* **TASK**
Pull out of the data below the stretch of lines bounded by the one containing "#96=IFCSHAPEREPRESENTATION(#31,'Body','Tessellation',(#95));" and the one containing "#99=IFCLOCALPLACEMENT(#14,#2);", both bounds included, unchanged.

(Extracted data entries)
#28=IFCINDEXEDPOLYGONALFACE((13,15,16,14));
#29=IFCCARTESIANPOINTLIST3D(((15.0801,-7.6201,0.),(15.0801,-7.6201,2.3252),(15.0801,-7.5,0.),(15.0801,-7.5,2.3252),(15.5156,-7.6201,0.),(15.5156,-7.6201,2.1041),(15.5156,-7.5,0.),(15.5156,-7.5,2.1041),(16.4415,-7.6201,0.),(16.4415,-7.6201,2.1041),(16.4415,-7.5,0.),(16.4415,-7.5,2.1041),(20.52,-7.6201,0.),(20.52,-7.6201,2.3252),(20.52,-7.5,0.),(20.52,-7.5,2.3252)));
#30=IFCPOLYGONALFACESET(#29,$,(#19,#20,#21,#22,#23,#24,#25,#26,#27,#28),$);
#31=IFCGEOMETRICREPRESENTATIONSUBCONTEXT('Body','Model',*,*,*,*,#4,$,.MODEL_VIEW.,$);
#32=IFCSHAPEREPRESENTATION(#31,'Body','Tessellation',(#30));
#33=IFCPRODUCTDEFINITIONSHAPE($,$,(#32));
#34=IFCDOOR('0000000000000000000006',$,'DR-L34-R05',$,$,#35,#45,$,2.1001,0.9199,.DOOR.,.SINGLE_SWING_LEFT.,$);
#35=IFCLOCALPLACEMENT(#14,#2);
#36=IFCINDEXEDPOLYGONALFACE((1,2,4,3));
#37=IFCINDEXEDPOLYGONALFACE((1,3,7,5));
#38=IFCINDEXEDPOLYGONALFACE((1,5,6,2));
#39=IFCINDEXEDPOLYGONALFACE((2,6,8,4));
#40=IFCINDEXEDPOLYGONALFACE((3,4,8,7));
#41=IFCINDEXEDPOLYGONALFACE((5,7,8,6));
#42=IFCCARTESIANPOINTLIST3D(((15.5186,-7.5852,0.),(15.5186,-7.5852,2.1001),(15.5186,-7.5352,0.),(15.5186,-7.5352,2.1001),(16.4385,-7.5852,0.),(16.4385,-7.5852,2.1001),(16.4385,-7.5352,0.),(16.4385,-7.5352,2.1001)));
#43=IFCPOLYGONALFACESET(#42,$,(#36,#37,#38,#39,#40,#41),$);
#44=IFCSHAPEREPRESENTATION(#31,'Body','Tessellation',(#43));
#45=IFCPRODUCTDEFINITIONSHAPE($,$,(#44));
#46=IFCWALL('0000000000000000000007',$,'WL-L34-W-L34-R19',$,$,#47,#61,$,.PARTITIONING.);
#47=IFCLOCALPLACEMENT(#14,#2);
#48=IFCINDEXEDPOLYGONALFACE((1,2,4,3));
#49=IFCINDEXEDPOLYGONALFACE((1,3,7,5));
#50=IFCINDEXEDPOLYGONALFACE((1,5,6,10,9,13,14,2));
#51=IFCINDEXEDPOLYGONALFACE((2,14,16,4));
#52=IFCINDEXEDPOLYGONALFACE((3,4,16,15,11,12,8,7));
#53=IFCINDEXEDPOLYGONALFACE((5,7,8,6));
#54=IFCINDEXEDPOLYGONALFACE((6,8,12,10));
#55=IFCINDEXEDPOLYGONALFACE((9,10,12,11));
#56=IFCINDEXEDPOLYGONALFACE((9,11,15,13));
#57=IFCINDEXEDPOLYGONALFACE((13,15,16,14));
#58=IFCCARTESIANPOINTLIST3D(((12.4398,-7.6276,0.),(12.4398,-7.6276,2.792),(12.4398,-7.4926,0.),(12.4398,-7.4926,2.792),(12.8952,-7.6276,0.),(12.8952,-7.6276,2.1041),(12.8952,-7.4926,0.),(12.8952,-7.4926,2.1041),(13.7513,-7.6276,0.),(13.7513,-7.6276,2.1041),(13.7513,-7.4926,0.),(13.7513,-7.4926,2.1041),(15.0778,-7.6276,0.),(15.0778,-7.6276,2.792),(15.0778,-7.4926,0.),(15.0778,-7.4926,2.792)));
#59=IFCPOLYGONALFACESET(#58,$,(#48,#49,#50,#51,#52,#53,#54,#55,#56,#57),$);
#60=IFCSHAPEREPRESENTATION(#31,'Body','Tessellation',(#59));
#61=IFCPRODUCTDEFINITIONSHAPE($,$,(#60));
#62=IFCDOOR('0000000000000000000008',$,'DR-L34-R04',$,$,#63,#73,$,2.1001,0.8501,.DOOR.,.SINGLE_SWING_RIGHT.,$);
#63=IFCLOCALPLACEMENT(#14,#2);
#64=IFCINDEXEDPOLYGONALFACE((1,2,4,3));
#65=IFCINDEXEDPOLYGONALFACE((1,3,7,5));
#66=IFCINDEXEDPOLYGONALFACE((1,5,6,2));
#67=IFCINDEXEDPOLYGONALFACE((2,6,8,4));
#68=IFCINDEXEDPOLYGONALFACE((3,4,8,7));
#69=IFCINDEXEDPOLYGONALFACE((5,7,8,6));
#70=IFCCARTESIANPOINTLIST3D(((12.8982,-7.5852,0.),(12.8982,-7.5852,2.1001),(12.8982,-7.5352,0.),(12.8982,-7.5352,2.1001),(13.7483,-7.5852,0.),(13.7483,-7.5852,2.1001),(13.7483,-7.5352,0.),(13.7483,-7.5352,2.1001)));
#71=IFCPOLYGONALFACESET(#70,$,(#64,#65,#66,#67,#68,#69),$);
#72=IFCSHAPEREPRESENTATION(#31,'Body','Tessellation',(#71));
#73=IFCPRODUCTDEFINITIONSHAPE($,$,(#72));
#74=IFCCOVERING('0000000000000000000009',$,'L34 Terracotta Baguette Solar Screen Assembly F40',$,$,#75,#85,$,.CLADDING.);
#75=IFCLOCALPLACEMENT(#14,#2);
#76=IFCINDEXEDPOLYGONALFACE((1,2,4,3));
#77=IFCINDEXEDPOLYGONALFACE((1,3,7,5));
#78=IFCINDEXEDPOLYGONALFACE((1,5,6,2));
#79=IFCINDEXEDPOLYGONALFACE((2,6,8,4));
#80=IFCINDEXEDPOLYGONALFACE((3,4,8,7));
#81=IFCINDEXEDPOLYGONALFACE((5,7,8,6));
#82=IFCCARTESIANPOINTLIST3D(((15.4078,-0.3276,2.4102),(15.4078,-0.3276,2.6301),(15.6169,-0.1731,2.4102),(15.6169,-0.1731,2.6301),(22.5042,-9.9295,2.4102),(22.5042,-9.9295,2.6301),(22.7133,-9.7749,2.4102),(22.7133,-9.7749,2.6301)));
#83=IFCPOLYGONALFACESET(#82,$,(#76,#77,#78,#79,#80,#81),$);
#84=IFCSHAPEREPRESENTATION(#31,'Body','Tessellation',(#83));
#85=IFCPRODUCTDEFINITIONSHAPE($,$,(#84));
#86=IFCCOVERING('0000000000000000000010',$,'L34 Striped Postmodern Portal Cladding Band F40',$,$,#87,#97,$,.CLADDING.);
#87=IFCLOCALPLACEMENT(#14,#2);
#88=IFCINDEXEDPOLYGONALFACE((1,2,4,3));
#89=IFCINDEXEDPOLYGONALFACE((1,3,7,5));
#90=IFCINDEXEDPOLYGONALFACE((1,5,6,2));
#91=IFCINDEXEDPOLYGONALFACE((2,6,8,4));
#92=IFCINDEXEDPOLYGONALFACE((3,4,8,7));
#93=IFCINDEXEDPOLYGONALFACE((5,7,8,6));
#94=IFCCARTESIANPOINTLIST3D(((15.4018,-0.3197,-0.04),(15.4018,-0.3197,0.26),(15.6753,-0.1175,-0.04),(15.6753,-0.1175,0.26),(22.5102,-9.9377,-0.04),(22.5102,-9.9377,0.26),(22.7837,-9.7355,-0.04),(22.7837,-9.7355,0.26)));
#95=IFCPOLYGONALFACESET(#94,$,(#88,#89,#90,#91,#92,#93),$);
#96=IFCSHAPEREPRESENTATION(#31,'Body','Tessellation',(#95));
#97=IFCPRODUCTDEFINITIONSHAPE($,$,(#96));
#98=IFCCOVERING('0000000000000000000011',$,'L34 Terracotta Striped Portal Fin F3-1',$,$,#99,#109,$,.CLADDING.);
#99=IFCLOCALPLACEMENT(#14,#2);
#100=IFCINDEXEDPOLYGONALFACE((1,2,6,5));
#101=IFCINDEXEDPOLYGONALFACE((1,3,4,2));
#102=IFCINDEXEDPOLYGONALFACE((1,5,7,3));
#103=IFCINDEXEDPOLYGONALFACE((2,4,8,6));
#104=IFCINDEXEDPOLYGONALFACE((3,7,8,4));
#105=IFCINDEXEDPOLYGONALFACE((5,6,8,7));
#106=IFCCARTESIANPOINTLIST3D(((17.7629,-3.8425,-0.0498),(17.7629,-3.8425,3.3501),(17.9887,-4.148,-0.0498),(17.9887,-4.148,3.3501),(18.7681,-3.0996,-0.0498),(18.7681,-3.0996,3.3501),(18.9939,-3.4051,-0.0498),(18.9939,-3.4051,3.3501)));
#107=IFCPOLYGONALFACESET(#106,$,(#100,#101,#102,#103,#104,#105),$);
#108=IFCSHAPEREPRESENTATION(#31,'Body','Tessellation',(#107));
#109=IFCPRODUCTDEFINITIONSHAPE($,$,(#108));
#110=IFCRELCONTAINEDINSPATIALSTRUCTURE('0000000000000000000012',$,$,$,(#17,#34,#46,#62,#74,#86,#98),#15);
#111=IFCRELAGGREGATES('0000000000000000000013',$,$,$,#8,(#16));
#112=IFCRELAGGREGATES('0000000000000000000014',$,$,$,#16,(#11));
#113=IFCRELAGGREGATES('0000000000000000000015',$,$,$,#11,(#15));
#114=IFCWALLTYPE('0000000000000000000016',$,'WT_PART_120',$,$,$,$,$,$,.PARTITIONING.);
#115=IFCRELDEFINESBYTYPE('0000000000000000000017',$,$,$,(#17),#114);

* **ANSWER SECTION**
#96=IFCSHAPEREPRESENTATION(#31,'Body','Tessellation',(#95));
#97=IFCPRODUCTDEFINITIONSHAPE($,$,(#96));
#98=IFCCOVERING('0000000000000000000011',$,'L34 Terracotta Striped Portal Fin F3-1',$,$,#99,#109,$,.CLADDING.);
#99=IFCLOCALPLACEMENT(#14,#2);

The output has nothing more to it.